> Directions for this task
In the listing that follows, locate the line containing "#21=IFCINDEXEDPOLYGONALFACE((1,5,6,2));" and the line containing "#52=IFCMATERIALLAYERSET((#51),'CORE PARTITION 150". Retype exactly those two lines and every line between them, and nothing more.

> Task material
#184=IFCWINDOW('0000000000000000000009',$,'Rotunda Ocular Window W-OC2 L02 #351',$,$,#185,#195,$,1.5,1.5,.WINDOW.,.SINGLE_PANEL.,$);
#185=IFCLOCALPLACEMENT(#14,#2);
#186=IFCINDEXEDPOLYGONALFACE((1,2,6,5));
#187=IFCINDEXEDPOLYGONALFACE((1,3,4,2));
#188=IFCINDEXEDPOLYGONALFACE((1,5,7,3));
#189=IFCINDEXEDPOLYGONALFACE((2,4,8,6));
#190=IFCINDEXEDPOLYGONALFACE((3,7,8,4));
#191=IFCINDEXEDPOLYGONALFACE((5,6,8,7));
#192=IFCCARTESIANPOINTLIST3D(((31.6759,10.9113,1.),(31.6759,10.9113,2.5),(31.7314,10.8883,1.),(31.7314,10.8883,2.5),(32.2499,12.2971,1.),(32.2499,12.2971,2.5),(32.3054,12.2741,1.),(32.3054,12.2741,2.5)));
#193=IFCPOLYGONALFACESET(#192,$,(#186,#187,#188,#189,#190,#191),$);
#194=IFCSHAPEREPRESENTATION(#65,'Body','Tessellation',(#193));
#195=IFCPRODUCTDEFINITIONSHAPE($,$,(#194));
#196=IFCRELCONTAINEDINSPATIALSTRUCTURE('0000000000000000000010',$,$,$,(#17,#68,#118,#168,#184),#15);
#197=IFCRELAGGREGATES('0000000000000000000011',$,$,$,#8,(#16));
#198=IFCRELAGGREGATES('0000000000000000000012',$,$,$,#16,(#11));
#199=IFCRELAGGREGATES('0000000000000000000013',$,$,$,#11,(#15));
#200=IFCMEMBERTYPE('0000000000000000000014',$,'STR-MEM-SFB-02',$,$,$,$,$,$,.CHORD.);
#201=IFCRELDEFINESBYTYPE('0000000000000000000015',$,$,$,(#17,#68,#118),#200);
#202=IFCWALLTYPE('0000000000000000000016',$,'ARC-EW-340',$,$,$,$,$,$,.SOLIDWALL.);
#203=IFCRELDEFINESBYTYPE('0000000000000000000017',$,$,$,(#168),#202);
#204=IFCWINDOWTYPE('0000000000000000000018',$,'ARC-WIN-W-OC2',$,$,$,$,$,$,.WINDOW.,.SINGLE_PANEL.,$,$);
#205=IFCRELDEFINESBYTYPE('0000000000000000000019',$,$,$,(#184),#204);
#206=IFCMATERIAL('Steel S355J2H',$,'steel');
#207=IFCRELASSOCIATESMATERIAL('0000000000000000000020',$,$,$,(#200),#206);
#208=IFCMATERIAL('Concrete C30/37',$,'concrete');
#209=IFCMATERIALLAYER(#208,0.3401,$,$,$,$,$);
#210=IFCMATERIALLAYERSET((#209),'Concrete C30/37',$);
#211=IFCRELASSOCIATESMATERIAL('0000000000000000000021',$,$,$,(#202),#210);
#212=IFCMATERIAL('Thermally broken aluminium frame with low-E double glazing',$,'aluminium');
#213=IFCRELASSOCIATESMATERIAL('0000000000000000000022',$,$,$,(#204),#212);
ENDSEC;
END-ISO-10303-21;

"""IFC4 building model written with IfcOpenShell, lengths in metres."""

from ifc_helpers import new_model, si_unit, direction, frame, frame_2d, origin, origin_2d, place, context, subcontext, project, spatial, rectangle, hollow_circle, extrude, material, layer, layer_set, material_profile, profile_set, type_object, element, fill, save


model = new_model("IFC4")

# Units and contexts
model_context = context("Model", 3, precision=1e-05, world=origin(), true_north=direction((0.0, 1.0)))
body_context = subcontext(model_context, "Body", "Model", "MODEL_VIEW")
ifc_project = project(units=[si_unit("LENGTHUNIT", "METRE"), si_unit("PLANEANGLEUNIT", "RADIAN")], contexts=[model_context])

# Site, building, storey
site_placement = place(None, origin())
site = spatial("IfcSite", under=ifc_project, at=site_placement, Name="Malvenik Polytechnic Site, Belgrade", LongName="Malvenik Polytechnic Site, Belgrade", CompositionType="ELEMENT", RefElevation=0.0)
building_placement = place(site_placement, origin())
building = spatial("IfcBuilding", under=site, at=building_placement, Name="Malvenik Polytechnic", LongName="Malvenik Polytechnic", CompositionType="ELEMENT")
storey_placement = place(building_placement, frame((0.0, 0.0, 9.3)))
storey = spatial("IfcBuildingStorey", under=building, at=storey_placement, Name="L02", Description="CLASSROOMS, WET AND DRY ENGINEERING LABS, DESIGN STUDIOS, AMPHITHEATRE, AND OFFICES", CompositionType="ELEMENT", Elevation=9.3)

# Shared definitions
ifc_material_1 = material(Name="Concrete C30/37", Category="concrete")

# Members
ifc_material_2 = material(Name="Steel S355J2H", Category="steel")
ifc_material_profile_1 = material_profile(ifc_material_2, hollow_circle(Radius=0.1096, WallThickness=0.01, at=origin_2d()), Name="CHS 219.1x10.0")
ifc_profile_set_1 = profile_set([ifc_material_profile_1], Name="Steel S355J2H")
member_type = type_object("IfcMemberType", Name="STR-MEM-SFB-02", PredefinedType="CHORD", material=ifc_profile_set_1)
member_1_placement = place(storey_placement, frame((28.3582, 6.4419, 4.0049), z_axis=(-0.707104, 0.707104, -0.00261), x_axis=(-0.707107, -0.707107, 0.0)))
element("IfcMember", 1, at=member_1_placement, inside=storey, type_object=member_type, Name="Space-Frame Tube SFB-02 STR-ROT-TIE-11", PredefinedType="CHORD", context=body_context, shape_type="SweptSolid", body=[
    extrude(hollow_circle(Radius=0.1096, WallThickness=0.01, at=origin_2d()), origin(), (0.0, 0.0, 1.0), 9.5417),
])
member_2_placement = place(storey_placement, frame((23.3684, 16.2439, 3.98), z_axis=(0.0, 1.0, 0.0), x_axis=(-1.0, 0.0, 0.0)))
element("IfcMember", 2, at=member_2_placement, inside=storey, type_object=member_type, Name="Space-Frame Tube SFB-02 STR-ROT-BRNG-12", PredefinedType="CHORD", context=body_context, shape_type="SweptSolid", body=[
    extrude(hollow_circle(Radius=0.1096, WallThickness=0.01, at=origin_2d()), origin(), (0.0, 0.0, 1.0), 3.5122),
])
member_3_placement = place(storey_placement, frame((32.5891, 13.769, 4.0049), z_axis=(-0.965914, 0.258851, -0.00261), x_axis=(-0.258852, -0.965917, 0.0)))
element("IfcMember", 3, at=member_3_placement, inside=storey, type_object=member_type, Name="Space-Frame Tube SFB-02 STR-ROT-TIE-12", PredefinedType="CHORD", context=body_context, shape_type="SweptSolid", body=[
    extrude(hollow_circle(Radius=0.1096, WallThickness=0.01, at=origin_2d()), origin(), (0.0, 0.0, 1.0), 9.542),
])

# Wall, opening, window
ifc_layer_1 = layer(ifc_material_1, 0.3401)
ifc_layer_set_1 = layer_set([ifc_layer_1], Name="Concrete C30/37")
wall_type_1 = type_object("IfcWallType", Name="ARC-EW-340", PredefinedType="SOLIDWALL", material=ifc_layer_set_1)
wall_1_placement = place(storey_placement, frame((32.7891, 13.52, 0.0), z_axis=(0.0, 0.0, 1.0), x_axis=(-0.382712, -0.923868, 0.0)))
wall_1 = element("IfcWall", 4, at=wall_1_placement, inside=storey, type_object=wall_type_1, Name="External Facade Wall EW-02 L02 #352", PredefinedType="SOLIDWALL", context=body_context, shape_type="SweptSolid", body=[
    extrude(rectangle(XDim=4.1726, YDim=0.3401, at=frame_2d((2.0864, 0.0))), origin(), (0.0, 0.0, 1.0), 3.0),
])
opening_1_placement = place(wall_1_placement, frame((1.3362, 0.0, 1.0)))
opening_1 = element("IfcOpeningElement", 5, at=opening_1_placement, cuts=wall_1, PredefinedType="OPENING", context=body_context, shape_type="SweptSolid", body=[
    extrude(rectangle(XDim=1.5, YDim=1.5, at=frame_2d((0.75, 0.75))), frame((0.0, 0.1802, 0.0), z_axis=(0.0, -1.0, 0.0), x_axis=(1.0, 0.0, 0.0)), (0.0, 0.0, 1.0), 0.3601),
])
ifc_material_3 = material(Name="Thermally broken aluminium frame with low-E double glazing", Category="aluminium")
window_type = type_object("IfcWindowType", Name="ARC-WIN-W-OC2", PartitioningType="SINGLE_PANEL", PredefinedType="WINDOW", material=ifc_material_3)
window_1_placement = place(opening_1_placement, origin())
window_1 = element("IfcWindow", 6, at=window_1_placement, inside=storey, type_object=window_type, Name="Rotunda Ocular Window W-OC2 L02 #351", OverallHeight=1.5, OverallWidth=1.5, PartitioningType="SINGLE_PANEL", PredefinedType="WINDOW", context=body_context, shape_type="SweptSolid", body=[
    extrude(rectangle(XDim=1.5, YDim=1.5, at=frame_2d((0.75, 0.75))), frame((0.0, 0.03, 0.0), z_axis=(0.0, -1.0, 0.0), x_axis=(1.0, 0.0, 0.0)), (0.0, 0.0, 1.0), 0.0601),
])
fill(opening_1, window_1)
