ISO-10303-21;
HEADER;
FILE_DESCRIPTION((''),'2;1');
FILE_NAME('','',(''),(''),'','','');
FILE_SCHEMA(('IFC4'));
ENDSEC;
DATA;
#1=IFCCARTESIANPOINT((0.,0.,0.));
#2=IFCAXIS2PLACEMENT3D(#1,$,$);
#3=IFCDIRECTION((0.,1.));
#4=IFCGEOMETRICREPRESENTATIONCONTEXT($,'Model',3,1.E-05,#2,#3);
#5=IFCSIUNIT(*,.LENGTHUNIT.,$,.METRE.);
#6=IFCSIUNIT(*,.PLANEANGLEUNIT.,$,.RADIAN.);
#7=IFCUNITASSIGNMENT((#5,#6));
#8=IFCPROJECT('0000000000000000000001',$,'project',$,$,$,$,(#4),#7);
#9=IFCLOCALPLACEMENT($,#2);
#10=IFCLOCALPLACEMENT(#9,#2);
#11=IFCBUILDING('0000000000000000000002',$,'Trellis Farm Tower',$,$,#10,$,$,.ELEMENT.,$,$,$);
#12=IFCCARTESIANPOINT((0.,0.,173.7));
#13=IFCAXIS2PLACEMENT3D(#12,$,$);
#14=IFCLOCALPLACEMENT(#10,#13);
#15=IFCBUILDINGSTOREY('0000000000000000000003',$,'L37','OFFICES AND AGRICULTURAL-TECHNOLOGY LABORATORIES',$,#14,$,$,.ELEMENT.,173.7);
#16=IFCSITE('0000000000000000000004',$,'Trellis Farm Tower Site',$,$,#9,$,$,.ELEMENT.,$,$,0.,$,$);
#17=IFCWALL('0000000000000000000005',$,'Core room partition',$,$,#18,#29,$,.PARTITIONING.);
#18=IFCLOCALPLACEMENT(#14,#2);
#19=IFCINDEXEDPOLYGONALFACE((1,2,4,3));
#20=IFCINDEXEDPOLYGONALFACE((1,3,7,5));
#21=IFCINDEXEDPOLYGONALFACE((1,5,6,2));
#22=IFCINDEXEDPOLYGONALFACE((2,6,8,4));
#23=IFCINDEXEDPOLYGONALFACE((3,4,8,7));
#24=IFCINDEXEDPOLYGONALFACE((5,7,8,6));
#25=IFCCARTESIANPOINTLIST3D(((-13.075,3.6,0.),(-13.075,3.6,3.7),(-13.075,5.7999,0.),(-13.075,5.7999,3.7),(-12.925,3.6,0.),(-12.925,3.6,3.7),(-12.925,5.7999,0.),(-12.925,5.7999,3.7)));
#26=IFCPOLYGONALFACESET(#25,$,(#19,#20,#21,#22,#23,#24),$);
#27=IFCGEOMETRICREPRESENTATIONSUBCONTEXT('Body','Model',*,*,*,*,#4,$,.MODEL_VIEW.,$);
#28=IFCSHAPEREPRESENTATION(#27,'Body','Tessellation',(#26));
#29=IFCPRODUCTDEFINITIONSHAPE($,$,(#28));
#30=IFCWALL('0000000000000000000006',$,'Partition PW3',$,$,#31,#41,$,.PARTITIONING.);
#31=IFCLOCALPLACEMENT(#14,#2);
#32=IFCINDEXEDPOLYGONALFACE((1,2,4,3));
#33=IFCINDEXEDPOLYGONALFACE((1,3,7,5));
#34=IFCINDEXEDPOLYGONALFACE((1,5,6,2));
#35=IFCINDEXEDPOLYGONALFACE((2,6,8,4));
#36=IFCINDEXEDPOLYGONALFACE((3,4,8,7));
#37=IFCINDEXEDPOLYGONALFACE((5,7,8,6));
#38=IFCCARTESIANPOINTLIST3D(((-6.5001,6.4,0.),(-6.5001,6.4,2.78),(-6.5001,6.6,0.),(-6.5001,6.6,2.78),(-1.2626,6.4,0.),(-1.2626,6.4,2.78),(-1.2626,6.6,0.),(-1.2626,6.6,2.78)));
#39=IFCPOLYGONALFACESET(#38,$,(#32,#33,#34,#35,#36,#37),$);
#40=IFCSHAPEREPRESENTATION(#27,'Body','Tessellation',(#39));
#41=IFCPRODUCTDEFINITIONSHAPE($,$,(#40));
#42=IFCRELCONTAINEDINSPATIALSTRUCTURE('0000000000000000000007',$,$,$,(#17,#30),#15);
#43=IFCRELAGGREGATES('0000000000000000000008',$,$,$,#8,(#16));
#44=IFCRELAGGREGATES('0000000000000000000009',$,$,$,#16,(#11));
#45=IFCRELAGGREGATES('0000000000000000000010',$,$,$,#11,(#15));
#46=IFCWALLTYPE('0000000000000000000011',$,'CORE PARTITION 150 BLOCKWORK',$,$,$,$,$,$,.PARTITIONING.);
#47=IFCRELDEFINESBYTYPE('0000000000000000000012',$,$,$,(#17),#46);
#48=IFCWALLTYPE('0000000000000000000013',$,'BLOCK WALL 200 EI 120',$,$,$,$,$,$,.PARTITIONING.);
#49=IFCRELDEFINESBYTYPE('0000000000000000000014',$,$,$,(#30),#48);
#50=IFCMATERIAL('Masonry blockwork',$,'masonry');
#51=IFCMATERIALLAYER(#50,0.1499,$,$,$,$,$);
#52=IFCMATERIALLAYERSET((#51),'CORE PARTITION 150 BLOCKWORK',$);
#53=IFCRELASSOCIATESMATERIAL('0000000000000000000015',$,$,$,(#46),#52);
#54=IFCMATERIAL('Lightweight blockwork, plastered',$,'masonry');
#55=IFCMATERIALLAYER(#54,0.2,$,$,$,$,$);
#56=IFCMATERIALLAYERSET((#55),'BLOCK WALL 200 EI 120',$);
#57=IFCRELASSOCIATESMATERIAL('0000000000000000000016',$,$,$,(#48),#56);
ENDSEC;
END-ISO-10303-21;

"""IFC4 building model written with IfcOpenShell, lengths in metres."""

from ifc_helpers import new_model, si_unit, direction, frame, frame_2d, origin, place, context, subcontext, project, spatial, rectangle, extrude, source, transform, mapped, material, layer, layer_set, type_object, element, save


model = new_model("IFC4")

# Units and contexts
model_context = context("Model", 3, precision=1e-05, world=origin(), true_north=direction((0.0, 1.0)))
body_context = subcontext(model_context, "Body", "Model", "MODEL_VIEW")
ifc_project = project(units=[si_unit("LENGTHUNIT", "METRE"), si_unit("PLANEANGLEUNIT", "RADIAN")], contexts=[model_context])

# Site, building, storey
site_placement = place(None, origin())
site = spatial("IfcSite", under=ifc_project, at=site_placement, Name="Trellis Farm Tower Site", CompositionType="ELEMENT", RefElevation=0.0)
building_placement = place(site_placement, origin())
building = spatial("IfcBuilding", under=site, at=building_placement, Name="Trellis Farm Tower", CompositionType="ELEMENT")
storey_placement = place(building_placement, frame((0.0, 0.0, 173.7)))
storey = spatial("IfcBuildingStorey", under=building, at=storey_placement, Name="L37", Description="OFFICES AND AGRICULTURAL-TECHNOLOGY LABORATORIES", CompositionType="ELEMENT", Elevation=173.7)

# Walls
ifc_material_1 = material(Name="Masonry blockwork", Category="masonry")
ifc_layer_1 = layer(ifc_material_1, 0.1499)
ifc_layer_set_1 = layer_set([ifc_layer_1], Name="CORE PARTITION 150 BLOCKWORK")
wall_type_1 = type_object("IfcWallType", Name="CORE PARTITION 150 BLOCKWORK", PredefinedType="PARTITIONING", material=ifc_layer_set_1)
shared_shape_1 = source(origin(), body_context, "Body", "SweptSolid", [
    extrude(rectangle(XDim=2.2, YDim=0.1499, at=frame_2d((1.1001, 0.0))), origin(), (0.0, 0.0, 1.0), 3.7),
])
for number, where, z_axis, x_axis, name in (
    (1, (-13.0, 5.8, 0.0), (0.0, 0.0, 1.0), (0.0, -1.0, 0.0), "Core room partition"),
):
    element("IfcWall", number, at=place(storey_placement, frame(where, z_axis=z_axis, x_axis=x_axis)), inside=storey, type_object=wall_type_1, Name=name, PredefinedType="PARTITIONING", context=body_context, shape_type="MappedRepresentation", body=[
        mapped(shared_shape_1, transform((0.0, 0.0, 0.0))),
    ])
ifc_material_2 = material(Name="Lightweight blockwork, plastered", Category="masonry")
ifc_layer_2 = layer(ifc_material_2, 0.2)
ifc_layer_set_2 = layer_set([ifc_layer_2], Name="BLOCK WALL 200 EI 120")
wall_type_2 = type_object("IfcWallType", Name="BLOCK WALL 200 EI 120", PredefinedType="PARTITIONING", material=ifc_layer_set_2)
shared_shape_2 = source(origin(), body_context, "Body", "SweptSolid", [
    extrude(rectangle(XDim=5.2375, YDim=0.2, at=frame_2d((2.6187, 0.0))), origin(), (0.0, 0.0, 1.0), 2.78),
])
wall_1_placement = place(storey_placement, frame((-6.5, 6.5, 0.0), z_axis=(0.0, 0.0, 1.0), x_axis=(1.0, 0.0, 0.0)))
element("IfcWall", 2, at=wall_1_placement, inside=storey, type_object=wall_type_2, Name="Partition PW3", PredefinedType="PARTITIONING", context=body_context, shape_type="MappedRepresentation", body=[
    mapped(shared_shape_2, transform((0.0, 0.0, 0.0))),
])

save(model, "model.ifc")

> Task solution
#21=IFCINDEXEDPOLYGONALFACE((1,5,6,2));
#22=IFCINDEXEDPOLYGONALFACE((2,6,8,4));
#23=IFCINDEXEDPOLYGONALFACE((3,4,8,7));
#24=IFCINDEXEDPOLYGONALFACE((5,7,8,6));
#25=IFCCARTESIANPOINTLIST3D(((-13.075,3.6,0.),(-13.075,3.6,3.7),(-13.075,5.7999,0.),(-13.075,5.7999,3.7),(-12.925,3.6,0.),(-12.925,3.6,3.7),(-12.925,5.7999,0.),(-12.925,5.7999,3.7)));
#26=IFCPOLYGONALFACESET(#25,$,(#19,#20,#21,#22,#23,#24),$);
#27=IFCGEOMETRICREPRESENTATIONSUBCONTEXT('Body','Model',*,*,*,*,#4,$,.MODEL_VIEW.,$);
#28=IFCSHAPEREPRESENTATION(#27,'Body','Tessellation',(#26));
#29=IFCPRODUCTDEFINITIONSHAPE($,$,(#28));
#30=IFCWALL('0000000000000000000006',$,'Partition PW3',$,$,#31,#41,$,.PARTITIONING.);
#31=IFCLOCALPLACEMENT(#14,#2);
#32=IFCINDEXEDPOLYGONALFACE((1,2,4,3));
#33=IFCINDEXEDPOLYGONALFACE((1,3,7,5));
#34=IFCINDEXEDPOLYGONALFACE((1,5,6,2));
#35=IFCINDEXEDPOLYGONALFACE((2,6,8,4));
#36=IFCINDEXEDPOLYGONALFACE((3,4,8,7));
#37=IFCINDEXEDPOLYGONALFACE((5,7,8,6));
#38=IFCCARTESIANPOINTLIST3D(((-6.5001,6.4,0.),(-6.5001,6.4,2.78),(-6.5001,6.6,0.),(-6.5001,6.6,2.78),(-1.2626,6.4,0.),(-1.2626,6.4,2.78),(-1.2626,6.6,0.),(-1.2626,6.6,2.78)));
#39=IFCPOLYGONALFACESET(#38,$,(#32,#33,#34,#35,#36,#37),$);
#40=IFCSHAPEREPRESENTATION(#27,'Body','Tessellation',(#39));
#41=IFCPRODUCTDEFINITIONSHAPE($,$,(#40));
#42=IFCRELCONTAINEDINSPATIALSTRUCTURE('0000000000000000000007',$,$,$,(#17,#30),#15);
#43=IFCRELAGGREGATES('0000000000000000000008',$,$,$,#8,(#16));
#44=IFCRELAGGREGATES('0000000000000000000009',$,$,$,#16,(#11));
#45=IFCRELAGGREGATES('0000000000000000000010',$,$,$,#11,(#15));
#46=IFCWALLTYPE('0000000000000000000011',$,'CORE PARTITION 150 BLOCKWORK',$,$,$,$,$,$,.PARTITIONING.);
#47=IFCRELDEFINESBYTYPE('0000000000000000000012',$,$,$,(#17),#46);
#48=IFCWALLTYPE('0000000000000000000013',$,'BLOCK WALL 200 EI 120',$,$,$,$,$,$,.PARTITIONING.);
#49=IFCRELDEFINESBYTYPE('0000000000000000000014',$,$,$,(#30),#48);
#50=IFCMATERIAL('Masonry blockwork',$,'masonry');
#51=IFCMATERIALLAYER(#50,0.1499,$,$,$,$,$);
#52=IFCMATERIALLAYERSET((#51),'CORE PARTITION 150 BLOCKWORK',$);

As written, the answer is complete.